### PROBLEM DESCRIPTION:
Search the data for the string "Tower" and extract every line where it appears.

---- SOURCE MATERIAL

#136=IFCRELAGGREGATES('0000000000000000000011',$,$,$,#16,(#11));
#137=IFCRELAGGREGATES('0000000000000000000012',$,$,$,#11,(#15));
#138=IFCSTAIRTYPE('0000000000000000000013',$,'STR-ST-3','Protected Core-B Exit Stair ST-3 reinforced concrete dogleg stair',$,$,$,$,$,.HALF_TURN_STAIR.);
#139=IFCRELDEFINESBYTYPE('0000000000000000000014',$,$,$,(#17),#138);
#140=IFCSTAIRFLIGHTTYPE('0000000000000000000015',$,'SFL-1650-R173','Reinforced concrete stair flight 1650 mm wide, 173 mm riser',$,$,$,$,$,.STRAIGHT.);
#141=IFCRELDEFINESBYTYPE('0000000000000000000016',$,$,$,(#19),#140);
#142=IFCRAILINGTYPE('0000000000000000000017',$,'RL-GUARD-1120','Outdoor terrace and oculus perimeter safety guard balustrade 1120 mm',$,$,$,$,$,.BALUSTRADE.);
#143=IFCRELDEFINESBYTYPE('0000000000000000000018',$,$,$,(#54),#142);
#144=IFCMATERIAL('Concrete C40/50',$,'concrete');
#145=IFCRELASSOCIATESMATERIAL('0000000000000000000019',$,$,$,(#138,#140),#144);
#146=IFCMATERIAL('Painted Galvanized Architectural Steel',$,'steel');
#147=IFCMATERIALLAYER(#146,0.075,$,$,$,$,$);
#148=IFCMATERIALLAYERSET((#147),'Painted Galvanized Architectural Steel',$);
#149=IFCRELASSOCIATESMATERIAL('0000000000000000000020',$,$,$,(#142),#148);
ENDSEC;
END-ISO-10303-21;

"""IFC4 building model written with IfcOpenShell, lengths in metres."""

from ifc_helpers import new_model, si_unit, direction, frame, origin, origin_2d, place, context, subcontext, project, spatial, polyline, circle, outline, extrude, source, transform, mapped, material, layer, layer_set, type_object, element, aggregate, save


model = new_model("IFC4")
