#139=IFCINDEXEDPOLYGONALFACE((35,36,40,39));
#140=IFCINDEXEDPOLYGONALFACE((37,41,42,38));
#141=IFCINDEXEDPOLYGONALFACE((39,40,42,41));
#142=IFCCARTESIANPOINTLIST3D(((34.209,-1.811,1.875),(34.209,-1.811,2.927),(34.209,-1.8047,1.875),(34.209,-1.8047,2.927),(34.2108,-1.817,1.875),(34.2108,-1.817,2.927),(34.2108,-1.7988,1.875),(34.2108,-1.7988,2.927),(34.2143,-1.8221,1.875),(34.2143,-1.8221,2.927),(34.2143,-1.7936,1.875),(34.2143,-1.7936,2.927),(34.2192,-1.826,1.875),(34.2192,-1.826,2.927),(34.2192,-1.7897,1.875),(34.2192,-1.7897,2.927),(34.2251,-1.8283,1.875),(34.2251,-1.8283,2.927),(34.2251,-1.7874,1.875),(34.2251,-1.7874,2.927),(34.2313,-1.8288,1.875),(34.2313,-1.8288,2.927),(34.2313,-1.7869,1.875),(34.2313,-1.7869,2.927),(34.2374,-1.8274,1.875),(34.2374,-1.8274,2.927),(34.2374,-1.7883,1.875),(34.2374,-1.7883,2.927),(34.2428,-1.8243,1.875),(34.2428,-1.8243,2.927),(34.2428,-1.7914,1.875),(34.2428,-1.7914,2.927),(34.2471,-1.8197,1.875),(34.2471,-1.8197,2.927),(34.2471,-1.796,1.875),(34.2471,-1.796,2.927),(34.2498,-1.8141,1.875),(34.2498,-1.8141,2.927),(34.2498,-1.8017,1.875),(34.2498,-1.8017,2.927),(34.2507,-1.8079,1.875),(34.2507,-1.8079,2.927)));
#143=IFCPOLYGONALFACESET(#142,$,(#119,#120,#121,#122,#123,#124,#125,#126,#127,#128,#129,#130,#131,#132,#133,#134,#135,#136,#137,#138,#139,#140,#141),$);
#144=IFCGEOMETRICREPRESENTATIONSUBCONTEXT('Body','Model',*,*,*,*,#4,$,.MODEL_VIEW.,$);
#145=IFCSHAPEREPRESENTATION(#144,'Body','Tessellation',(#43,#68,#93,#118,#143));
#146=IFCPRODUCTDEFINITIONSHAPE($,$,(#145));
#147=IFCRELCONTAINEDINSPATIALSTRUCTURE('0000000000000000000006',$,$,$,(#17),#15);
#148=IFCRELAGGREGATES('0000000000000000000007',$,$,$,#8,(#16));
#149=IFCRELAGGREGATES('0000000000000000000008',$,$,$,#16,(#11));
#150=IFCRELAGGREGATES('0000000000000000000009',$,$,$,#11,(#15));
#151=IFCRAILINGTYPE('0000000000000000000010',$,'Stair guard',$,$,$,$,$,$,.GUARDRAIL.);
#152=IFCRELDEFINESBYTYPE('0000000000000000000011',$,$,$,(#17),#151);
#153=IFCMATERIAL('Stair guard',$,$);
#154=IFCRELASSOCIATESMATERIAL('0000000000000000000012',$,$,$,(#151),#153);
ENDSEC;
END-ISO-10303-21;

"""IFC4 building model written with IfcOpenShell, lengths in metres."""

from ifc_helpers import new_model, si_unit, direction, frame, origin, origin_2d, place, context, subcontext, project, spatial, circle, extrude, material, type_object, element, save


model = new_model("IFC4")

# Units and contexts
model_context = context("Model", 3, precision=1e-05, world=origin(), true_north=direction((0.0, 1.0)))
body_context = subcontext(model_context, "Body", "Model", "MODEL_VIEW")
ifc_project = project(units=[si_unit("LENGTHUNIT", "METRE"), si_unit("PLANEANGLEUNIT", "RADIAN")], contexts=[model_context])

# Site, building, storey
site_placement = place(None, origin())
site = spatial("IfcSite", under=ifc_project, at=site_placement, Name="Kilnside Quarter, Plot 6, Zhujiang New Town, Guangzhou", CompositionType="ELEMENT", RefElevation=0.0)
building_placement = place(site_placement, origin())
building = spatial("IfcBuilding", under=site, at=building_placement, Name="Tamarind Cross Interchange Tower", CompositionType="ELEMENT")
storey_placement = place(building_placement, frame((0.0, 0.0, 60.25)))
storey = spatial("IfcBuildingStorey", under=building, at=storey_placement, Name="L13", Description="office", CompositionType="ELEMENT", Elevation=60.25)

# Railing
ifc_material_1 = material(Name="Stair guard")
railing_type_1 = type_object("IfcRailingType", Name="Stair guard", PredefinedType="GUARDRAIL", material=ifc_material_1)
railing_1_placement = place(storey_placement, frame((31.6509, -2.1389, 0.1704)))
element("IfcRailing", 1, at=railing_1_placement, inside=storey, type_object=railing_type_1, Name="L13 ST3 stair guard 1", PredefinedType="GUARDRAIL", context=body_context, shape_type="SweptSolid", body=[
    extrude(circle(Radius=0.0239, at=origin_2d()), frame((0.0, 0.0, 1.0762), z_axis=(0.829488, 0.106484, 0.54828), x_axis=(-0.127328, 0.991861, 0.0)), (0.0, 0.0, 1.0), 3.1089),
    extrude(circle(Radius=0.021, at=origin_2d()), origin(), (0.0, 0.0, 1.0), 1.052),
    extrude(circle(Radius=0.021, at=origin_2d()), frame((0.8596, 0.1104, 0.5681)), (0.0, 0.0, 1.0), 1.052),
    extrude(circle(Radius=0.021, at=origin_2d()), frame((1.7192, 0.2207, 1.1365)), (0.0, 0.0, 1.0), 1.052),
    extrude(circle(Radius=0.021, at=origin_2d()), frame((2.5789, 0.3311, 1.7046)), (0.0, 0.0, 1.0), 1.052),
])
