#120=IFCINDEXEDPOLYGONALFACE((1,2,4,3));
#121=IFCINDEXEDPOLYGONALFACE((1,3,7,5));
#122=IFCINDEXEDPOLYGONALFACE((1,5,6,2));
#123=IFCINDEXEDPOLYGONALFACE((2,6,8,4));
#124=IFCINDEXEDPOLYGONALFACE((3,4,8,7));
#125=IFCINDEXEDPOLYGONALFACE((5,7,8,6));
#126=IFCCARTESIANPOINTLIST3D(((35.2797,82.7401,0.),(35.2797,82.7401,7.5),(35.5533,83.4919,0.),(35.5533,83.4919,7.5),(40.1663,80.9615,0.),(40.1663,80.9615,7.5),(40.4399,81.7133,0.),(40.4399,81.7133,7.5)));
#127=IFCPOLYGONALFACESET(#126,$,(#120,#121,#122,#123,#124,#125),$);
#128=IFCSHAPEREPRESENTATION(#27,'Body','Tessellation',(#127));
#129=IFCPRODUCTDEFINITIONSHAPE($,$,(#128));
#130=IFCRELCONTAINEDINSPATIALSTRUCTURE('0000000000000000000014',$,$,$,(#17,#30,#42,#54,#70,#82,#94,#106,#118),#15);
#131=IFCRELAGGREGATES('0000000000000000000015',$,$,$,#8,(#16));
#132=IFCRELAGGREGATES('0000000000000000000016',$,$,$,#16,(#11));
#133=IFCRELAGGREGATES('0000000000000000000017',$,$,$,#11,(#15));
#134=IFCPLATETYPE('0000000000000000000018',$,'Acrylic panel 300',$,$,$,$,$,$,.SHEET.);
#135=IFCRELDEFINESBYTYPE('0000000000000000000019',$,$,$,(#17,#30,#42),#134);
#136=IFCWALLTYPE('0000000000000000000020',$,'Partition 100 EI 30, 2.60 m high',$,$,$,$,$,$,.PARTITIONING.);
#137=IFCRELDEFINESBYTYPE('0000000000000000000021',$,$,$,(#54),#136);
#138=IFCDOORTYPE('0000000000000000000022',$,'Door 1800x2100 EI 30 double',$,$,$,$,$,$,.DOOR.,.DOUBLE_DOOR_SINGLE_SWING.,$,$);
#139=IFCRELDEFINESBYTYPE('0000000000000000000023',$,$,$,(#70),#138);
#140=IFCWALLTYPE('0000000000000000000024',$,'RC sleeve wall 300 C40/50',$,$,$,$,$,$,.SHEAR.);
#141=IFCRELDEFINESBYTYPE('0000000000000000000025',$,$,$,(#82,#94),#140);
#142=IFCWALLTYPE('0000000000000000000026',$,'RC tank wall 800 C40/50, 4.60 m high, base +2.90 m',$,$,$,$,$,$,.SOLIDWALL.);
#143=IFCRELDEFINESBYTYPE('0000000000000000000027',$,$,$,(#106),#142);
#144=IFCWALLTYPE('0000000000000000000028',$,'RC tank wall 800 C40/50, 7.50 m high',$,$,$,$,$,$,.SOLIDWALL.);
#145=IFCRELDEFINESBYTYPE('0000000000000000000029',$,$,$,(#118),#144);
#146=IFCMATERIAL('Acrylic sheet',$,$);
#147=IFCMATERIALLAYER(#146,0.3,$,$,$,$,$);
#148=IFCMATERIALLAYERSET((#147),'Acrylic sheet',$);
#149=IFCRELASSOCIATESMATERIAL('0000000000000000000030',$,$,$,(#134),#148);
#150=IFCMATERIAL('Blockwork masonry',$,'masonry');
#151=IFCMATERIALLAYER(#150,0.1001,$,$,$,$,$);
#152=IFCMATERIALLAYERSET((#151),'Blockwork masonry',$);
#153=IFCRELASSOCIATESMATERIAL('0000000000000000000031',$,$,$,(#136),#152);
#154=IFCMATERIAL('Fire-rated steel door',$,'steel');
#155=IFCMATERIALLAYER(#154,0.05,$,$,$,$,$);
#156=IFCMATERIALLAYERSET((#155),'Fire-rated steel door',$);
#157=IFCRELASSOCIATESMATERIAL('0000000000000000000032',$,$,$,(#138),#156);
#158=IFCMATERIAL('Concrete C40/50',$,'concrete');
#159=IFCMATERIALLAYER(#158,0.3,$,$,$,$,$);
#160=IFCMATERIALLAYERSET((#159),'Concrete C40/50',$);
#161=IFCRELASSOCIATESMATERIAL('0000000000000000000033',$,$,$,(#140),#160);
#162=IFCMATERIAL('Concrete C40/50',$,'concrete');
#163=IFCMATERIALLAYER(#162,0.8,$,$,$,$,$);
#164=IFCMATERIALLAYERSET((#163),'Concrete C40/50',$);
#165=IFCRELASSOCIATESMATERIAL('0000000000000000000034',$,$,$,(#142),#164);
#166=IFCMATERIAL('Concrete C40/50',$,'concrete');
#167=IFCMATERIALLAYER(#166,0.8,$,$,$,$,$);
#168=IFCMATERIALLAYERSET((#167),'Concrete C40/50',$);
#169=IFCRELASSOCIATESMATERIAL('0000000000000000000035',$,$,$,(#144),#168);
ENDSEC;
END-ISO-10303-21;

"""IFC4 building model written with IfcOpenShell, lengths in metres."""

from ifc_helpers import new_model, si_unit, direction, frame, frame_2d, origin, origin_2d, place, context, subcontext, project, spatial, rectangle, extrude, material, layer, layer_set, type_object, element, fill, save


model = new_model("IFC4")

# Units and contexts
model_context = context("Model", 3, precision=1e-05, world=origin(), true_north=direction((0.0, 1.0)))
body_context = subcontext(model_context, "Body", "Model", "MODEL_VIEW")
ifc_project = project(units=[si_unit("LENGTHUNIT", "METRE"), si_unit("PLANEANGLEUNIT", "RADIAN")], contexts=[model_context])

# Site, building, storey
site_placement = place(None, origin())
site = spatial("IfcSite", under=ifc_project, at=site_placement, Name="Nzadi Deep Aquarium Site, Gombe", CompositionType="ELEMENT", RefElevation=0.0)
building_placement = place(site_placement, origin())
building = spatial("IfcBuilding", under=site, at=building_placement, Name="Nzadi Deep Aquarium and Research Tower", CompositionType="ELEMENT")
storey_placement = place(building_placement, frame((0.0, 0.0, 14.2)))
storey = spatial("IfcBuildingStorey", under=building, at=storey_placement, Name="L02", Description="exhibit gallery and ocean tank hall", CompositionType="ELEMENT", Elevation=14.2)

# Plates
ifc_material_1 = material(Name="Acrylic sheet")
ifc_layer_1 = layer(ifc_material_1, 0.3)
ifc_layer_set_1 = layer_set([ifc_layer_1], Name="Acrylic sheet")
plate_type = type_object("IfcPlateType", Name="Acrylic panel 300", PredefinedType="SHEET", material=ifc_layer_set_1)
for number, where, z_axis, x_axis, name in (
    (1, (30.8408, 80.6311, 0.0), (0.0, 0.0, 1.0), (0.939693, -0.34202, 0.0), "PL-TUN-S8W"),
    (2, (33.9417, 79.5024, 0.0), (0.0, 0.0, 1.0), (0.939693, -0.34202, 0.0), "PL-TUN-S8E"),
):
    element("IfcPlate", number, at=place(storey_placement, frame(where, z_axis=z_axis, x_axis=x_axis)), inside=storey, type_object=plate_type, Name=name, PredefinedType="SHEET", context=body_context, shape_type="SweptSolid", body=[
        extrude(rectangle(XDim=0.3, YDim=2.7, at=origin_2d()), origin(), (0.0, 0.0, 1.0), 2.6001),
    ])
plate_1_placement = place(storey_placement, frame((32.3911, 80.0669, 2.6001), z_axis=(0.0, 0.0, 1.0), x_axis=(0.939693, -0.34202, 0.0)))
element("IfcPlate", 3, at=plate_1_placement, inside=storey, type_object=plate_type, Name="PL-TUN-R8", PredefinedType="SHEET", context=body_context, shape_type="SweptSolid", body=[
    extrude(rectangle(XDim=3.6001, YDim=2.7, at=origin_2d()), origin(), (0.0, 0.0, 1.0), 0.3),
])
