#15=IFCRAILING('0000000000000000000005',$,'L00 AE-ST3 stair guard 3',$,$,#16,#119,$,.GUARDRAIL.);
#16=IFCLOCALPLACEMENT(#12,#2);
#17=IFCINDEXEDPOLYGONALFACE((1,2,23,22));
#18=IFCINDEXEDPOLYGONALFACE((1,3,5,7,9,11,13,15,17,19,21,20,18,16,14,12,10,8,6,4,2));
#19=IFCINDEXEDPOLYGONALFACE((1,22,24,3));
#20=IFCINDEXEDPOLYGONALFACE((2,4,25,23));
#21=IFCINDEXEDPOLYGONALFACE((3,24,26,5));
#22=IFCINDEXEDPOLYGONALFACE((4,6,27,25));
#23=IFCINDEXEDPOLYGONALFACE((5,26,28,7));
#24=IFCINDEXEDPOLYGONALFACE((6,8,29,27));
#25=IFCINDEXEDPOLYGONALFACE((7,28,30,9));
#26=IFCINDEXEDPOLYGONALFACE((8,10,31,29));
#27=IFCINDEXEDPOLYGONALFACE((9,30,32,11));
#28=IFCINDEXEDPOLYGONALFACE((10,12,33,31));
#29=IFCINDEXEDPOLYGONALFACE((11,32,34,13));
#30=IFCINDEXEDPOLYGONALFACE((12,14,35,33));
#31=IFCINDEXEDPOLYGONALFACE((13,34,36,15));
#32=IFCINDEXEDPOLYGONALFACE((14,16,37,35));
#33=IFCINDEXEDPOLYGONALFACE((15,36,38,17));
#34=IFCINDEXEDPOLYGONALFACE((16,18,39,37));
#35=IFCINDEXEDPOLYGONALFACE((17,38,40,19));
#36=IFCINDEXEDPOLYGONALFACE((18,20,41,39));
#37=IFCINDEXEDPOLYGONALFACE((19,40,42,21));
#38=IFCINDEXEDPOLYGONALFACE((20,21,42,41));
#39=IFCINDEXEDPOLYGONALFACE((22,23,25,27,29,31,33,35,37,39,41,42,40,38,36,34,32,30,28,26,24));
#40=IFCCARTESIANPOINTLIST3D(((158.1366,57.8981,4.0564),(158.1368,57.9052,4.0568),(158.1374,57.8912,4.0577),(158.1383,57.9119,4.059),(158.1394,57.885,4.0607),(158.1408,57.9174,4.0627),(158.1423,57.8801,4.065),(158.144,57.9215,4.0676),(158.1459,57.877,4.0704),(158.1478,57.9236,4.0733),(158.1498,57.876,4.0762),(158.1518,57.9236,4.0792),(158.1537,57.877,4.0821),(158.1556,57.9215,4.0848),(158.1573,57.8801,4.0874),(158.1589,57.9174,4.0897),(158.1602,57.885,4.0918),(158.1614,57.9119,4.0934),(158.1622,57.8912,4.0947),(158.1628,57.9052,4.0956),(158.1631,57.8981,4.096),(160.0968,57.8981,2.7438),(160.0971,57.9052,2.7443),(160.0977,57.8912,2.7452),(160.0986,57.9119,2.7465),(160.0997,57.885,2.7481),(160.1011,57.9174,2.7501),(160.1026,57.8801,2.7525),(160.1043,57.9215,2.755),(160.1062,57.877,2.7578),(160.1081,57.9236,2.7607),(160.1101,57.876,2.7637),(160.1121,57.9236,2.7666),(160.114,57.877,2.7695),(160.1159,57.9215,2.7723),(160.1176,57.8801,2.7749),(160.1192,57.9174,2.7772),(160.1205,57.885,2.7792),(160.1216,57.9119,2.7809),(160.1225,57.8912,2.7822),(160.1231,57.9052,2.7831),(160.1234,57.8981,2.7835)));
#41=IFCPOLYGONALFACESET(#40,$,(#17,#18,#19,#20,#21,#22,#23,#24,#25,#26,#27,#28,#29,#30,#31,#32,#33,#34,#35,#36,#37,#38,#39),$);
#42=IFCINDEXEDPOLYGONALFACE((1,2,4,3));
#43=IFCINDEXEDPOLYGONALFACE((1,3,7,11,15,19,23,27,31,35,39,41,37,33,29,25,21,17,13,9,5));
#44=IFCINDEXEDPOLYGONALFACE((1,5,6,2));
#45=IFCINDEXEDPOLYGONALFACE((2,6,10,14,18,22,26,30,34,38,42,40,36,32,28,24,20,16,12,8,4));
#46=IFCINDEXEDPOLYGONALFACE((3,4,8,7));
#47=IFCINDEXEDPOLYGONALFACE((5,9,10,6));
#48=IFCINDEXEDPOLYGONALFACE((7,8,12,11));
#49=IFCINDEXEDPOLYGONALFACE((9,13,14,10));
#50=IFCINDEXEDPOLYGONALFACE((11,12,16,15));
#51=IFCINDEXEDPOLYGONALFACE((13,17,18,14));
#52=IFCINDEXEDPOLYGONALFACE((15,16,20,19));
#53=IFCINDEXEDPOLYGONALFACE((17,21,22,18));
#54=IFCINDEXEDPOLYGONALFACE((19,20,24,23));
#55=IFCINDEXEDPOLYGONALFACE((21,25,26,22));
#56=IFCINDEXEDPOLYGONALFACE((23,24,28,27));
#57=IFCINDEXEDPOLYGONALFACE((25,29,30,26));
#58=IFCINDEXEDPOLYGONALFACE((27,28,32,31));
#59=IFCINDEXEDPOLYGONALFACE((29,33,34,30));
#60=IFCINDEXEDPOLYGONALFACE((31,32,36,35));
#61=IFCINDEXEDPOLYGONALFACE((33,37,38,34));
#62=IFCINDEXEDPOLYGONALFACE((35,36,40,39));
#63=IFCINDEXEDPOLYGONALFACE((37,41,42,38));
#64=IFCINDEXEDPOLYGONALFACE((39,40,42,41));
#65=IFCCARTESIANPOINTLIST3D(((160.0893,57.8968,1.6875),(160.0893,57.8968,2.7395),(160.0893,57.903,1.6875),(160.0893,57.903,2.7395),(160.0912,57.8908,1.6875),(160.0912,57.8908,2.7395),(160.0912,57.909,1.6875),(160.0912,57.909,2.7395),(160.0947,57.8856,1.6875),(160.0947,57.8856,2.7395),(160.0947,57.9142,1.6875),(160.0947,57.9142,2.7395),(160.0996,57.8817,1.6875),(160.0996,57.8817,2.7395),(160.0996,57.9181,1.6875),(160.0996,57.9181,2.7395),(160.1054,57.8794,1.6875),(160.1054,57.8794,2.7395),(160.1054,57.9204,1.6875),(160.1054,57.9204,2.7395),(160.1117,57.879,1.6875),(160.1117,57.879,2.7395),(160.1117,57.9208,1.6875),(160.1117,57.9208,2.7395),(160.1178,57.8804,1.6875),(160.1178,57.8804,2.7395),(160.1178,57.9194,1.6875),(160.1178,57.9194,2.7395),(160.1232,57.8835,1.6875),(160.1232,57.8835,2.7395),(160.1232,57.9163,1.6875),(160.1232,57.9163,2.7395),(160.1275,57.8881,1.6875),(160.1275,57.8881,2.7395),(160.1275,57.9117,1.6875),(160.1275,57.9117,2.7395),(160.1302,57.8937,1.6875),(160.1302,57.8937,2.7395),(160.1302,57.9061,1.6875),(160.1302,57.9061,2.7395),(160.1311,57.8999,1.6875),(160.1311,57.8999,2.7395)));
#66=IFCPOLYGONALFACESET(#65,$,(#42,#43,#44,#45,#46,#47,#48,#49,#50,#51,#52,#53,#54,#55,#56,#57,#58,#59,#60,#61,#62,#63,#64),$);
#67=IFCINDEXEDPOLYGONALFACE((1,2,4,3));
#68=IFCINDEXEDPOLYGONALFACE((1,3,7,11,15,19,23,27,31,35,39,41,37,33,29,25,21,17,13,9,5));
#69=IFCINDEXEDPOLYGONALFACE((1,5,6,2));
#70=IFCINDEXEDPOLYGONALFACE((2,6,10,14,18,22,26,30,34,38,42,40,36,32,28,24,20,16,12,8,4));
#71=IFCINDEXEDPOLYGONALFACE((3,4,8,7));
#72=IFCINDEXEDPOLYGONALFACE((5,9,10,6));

--------

### WRITTEN RESPONSE:
building = spatial("IfcBuilding", under=site, at=building_placement, Name="Tamarind Cross Interchange Tower", CompositionType="ELEMENT")
building = spatial("IfcBuilding", under=site, at=building_placement, Name="Nzadi Deep Aquarium and Research Tower", CompositionType="ELEMENT")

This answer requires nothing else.